Exercise objective — Search the records for the word "board" and report each line that has it.

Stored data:

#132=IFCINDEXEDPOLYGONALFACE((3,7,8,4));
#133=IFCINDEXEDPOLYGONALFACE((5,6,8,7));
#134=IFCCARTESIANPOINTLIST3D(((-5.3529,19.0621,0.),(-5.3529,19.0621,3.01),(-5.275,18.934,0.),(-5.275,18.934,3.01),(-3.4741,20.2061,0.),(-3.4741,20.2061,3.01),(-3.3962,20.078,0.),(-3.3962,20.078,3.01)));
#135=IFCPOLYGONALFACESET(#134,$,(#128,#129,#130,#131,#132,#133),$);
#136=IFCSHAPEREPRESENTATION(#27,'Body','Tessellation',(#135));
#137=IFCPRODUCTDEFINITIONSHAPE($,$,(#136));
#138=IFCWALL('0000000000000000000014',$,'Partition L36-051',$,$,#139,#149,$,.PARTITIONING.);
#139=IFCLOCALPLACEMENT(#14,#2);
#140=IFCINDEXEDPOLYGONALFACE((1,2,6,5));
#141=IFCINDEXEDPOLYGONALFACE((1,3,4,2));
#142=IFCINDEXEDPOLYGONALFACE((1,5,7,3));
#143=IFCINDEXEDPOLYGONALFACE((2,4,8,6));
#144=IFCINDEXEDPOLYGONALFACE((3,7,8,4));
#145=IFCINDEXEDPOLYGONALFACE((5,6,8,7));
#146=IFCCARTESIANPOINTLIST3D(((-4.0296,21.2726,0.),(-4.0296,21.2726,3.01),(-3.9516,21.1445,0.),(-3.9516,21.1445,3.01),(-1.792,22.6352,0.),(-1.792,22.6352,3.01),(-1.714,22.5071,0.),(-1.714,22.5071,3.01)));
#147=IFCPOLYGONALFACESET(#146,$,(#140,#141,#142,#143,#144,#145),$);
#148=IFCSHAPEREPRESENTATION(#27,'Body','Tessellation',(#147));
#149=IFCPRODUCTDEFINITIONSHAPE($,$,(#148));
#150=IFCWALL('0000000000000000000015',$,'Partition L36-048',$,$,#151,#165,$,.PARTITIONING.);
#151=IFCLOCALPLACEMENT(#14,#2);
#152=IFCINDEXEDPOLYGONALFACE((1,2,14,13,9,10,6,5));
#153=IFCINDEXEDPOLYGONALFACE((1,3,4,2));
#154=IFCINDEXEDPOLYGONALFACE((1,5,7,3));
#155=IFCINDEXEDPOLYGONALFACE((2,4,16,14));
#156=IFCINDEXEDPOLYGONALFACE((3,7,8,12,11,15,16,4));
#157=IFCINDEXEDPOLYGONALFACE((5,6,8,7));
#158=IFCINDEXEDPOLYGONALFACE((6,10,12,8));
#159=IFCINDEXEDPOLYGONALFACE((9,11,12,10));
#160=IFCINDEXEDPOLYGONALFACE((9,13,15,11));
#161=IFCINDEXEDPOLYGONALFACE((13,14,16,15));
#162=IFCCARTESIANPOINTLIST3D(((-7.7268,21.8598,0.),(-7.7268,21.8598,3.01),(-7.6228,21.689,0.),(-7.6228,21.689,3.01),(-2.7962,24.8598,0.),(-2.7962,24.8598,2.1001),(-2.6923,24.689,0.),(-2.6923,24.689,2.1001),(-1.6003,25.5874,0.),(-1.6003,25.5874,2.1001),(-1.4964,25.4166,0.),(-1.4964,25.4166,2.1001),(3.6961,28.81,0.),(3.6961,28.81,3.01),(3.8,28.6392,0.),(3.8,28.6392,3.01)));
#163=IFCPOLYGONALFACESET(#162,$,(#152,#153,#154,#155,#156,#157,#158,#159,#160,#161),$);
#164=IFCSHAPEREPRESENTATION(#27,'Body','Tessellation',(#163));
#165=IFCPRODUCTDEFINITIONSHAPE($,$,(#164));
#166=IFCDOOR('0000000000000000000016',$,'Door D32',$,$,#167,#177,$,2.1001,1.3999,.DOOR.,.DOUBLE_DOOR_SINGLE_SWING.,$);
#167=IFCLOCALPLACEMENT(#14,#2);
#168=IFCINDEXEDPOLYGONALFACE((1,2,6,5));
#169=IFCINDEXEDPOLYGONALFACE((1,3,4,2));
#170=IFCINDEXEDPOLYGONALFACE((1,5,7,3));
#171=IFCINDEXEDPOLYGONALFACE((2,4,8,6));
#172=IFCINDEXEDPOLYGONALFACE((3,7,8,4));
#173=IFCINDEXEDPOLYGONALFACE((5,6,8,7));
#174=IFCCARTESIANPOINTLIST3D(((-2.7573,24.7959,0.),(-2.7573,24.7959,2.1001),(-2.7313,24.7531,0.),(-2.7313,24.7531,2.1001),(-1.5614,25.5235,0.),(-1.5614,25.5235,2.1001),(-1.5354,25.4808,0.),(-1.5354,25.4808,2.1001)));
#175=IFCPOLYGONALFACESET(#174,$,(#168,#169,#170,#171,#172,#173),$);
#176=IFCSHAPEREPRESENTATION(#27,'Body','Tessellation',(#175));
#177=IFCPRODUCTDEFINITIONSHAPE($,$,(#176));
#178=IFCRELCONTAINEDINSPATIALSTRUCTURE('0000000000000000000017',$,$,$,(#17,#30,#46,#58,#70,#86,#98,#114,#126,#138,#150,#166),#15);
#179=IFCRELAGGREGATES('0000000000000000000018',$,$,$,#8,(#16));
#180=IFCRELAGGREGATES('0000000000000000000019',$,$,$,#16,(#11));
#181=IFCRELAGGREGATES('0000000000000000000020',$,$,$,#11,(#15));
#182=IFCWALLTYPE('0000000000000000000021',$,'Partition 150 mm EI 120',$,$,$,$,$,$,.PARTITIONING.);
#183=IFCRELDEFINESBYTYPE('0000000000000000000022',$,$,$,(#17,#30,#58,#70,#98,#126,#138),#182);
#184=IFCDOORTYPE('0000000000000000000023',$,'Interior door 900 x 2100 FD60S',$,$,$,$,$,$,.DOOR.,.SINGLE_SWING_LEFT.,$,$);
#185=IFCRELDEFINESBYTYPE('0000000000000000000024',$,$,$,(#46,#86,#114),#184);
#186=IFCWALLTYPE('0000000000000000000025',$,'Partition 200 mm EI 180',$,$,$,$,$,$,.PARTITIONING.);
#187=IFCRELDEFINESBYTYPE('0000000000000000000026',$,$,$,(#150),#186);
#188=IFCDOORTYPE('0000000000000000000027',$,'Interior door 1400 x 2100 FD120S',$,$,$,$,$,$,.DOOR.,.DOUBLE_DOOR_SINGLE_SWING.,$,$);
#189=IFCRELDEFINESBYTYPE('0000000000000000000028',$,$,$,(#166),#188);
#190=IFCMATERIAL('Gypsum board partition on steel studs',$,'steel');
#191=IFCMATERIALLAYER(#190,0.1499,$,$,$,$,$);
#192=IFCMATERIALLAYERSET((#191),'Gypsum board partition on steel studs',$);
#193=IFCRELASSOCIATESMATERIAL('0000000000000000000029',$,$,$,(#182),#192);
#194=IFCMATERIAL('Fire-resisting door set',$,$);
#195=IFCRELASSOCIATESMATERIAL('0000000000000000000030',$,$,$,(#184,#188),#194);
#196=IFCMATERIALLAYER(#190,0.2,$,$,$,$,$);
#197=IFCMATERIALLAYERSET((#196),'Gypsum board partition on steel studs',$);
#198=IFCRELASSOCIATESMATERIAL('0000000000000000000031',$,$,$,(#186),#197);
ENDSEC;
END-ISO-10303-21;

Result of this task —
#190=IFCMATERIAL('Gypsum board partition on steel studs',$,'steel');
#192=IFCMATERIALLAYERSET((#191),'Gypsum board partition on steel studs',$);
#197=IFCMATERIALLAYERSET((#196),'Gypsum board partition on steel studs',$);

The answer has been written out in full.